[[ Task material open ]]
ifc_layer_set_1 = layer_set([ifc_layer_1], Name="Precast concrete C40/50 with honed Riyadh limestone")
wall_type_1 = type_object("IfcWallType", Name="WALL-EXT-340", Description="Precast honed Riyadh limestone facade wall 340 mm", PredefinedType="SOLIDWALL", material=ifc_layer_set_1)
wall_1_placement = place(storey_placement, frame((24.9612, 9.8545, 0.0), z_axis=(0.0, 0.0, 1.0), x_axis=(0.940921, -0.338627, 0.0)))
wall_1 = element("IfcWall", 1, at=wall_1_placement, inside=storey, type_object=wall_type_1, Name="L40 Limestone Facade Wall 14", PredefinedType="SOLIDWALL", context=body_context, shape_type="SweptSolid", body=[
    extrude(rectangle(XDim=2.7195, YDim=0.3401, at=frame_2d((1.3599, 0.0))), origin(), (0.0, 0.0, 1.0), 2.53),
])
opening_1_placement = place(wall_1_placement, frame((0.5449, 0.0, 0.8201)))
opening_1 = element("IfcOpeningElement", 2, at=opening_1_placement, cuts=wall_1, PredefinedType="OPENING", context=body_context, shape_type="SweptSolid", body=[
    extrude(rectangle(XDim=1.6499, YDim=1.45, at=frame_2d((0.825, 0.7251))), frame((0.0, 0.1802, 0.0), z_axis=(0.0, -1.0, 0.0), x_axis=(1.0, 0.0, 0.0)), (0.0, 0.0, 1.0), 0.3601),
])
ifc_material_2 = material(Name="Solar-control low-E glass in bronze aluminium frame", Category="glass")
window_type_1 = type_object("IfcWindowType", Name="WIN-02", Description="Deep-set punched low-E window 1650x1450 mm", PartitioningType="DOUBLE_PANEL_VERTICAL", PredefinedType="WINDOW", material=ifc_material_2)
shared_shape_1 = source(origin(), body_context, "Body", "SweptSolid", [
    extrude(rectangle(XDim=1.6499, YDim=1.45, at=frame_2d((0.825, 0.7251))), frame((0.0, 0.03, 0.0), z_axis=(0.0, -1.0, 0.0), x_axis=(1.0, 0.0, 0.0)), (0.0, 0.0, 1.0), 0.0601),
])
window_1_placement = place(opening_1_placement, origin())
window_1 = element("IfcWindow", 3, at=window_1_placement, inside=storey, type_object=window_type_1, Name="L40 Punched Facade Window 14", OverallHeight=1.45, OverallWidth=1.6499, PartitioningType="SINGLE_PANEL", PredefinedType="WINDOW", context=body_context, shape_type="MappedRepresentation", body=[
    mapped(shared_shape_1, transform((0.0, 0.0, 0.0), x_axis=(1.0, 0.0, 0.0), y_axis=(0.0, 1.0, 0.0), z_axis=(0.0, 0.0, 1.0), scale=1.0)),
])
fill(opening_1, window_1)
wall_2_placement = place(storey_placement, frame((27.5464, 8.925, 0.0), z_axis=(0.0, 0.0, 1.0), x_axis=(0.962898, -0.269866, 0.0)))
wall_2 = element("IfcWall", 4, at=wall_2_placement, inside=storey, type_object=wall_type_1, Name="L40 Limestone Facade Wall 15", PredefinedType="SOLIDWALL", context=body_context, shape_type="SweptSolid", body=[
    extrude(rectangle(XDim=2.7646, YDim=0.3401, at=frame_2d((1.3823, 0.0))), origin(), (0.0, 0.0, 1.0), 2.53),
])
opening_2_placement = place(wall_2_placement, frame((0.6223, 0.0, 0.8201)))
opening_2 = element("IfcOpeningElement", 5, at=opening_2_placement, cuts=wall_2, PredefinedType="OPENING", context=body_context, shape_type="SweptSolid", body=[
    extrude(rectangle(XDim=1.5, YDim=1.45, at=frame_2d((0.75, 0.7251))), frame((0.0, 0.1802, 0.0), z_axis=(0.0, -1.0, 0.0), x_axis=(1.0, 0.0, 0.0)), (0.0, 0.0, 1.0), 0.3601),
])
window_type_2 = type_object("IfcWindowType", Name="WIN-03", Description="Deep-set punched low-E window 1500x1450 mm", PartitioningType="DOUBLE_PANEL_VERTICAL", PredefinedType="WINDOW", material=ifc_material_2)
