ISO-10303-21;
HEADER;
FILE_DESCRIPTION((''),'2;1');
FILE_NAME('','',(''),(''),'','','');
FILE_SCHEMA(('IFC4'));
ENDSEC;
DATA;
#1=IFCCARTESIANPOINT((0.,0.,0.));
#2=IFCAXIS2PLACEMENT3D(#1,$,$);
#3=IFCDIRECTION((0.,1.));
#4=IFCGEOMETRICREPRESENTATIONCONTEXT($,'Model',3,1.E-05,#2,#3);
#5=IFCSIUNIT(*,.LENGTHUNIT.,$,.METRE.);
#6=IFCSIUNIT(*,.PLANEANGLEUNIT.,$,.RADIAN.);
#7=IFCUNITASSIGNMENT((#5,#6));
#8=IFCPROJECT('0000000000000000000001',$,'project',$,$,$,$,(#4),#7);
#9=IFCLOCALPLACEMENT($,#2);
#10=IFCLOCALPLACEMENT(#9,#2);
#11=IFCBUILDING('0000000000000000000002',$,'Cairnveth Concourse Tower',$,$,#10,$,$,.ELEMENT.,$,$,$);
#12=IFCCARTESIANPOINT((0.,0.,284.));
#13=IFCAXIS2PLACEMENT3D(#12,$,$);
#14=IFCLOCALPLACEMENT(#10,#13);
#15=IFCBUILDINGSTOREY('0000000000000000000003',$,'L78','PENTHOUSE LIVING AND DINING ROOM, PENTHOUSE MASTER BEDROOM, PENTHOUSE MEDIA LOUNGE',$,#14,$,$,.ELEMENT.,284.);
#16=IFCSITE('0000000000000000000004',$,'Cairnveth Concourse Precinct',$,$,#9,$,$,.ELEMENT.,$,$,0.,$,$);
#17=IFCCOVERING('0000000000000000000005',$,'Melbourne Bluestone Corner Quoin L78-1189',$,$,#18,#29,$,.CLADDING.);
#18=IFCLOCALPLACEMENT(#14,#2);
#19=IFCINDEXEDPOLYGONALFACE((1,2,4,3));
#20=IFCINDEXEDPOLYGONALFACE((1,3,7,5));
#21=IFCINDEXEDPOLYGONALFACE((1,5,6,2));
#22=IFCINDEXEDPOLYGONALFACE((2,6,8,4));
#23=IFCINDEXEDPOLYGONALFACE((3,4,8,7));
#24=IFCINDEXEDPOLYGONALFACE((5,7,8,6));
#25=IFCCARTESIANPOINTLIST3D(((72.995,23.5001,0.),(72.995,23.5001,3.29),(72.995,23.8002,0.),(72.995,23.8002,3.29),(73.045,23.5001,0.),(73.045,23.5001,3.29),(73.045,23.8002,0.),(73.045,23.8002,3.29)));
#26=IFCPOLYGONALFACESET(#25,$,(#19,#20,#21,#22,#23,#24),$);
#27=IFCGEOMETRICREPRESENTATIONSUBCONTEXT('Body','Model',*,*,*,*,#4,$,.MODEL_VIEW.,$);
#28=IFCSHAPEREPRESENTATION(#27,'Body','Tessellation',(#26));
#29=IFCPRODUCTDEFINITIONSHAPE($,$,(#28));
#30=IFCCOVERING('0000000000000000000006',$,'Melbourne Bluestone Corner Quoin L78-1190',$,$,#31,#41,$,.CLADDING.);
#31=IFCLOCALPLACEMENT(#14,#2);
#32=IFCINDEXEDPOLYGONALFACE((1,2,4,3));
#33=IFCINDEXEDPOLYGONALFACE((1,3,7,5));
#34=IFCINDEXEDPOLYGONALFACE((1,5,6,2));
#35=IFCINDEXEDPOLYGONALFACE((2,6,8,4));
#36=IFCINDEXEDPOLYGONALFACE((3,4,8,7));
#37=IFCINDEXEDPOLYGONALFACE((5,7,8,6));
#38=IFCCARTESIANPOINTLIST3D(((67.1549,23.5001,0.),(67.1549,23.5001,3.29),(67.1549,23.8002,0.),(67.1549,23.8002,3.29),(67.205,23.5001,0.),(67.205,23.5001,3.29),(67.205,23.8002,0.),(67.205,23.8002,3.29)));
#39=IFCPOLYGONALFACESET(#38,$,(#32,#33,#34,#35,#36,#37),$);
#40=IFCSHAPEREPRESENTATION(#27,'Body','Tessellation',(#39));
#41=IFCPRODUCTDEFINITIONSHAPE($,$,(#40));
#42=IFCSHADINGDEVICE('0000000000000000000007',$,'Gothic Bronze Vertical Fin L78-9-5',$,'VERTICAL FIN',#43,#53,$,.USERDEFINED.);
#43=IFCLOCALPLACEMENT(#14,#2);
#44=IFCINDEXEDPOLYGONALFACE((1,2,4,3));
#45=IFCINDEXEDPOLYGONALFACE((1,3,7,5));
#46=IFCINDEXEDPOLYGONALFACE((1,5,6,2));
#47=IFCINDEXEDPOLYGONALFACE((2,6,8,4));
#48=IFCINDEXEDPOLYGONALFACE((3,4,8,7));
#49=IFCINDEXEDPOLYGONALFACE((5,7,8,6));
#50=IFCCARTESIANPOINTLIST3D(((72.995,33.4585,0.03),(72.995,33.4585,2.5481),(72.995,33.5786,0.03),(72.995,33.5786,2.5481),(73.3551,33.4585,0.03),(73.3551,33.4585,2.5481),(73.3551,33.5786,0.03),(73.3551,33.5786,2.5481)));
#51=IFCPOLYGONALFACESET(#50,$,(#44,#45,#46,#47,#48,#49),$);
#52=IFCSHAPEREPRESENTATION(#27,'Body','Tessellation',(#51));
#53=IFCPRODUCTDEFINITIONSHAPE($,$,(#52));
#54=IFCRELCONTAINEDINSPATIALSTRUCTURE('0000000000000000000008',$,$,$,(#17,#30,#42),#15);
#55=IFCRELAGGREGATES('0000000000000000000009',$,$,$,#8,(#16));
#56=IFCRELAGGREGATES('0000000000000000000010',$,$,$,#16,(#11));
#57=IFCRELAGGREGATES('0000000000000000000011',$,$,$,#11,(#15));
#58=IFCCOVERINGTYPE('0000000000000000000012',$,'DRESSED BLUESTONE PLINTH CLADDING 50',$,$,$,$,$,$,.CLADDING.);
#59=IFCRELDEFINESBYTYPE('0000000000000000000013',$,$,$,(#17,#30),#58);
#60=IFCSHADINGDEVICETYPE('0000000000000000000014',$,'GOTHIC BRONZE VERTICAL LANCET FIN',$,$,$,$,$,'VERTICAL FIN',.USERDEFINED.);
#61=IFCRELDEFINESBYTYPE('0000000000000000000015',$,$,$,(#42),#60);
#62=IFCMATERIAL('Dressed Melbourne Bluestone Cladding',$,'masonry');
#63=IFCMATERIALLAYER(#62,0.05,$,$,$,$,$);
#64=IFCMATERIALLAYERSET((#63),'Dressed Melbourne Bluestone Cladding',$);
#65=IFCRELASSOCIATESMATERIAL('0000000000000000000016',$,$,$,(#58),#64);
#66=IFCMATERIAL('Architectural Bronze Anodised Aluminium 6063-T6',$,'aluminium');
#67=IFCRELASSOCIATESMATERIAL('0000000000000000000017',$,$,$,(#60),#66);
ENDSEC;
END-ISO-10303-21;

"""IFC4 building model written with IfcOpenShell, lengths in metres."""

from ifc_helpers import new_model, si_unit, direction, frame, frame_2d, origin, origin_2d, place, context, subcontext, project, spatial, rectangle, extrude, material, layer, layer_set, type_object, element, save


model = new_model("IFC4")

# Units and contexts
model_context = context("Model", 3, precision=1e-05, world=origin(), true_north=direction((0.0, 1.0)))
body_context = subcontext(model_context, "Body", "Model", "MODEL_VIEW")
ifc_project = project(units=[si_unit("LENGTHUNIT", "METRE"), si_unit("PLANEANGLEUNIT", "RADIAN")], contexts=[model_context])

# Site, building, storey
site_placement = place(None, origin())
site = spatial("IfcSite", under=ifc_project, at=site_placement, Name="Cairnveth Concourse Precinct", CompositionType="ELEMENT", RefElevation=0.0)
building_placement = place(site_placement, origin())
building = spatial("IfcBuilding", under=site, at=building_placement, Name="Cairnveth Concourse Tower", CompositionType="ELEMENT")
storey_placement = place(building_placement, frame((0.0, 0.0, 284.0)))
storey = spatial("IfcBuildingStorey", under=building, at=storey_placement, Name="L78", Description="PENTHOUSE LIVING AND DINING ROOM, PENTHOUSE MASTER BEDROOM, PENTHOUSE MEDIA LOUNGE", CompositionType="ELEMENT", Elevation=284.0)

# Coverings
ifc_material_1 = material(Name="Dressed Melbourne Bluestone Cladding", Category="masonry")
ifc_layer_1 = layer(ifc_material_1, 0.05)
ifc_layer_set_1 = layer_set([ifc_layer_1], Name="Dressed Melbourne Bluestone Cladding")
covering_type = type_object("IfcCoveringType", Name="DRESSED BLUESTONE PLINTH CLADDING 50", PredefinedType="CLADDING", material=ifc_layer_set_1)
for number, where, z_axis, x_axis, name in (
    (1, (73.02, 23.8, 0.0), (0.0, 0.0, 1.0), (0.0, -1.0, 0.0), "Melbourne Bluestone Corner Quoin L78-1189"),
    (2, (67.1799, 23.8, 0.0), (0.0, 0.0, 1.0), (0.0, -1.0, 0.0), "Melbourne Bluestone Corner Quoin L78-1190"),
):
    element("IfcCovering", number, at=place(storey_placement, frame(where, z_axis=z_axis, x_axis=x_axis)), inside=storey, type_object=covering_type, Name=name, PredefinedType="CLADDING", context=body_context, shape_type="SweptSolid", body=[
        extrude(rectangle(XDim=0.3, YDim=0.05, at=frame_2d((0.1499, 0.0))), origin(), (0.0, 0.0, 1.0), 3.29),
    ])

# Shading device
ifc_material_2 = material(Name="Architectural Bronze Anodised Aluminium 6063-T6", Category="aluminium")
shading_device_type = type_object("IfcShadingDeviceType", Name="GOTHIC BRONZE VERTICAL LANCET FIN", ElementType="VERTICAL FIN", PredefinedType="USERDEFINED", material=ifc_material_2)
shading_device_placement = place(storey_placement, frame((73.175, 33.5186, 0.03), z_axis=(0.0, 0.0, 1.0), x_axis=(0.0, 1.0, 0.0)))
element("IfcShadingDevice", 3, at=shading_device_placement, inside=storey, type_object=shading_device_type, Name="Gothic Bronze Vertical Fin L78-9-5", ObjectType="VERTICAL FIN", PredefinedType="USERDEFINED", context=body_context, shape_type="SweptSolid", body=[
    extrude(rectangle(XDim=0.1201, YDim=0.3601, at=origin_2d()), origin(), (0.0, 0.0, 1.0), 2.5181),
])

save(model, "model.ifc")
[[ Task material closed ]]
Brief:
Only the lines above from the line with "#10=IFCLOCALPLACEMENT(#9,#2);" to the line with "#14=IFCLOCALPLACEMENT(#10,#13);", those two lines included, should be reproduced exactly.

Response for this exercise:
#10=IFCLOCALPLACEMENT(#9,#2);
#11=IFCBUILDING('0000000000000000000002',$,'Cairnveth Concourse Tower',$,$,#10,$,$,.ELEMENT.,$,$,$);
#12=IFCCARTESIANPOINT((0.,0.,284.));
#13=IFCAXIS2PLACEMENT3D(#12,$,$);
#14=IFCLOCALPLACEMENT(#10,#13);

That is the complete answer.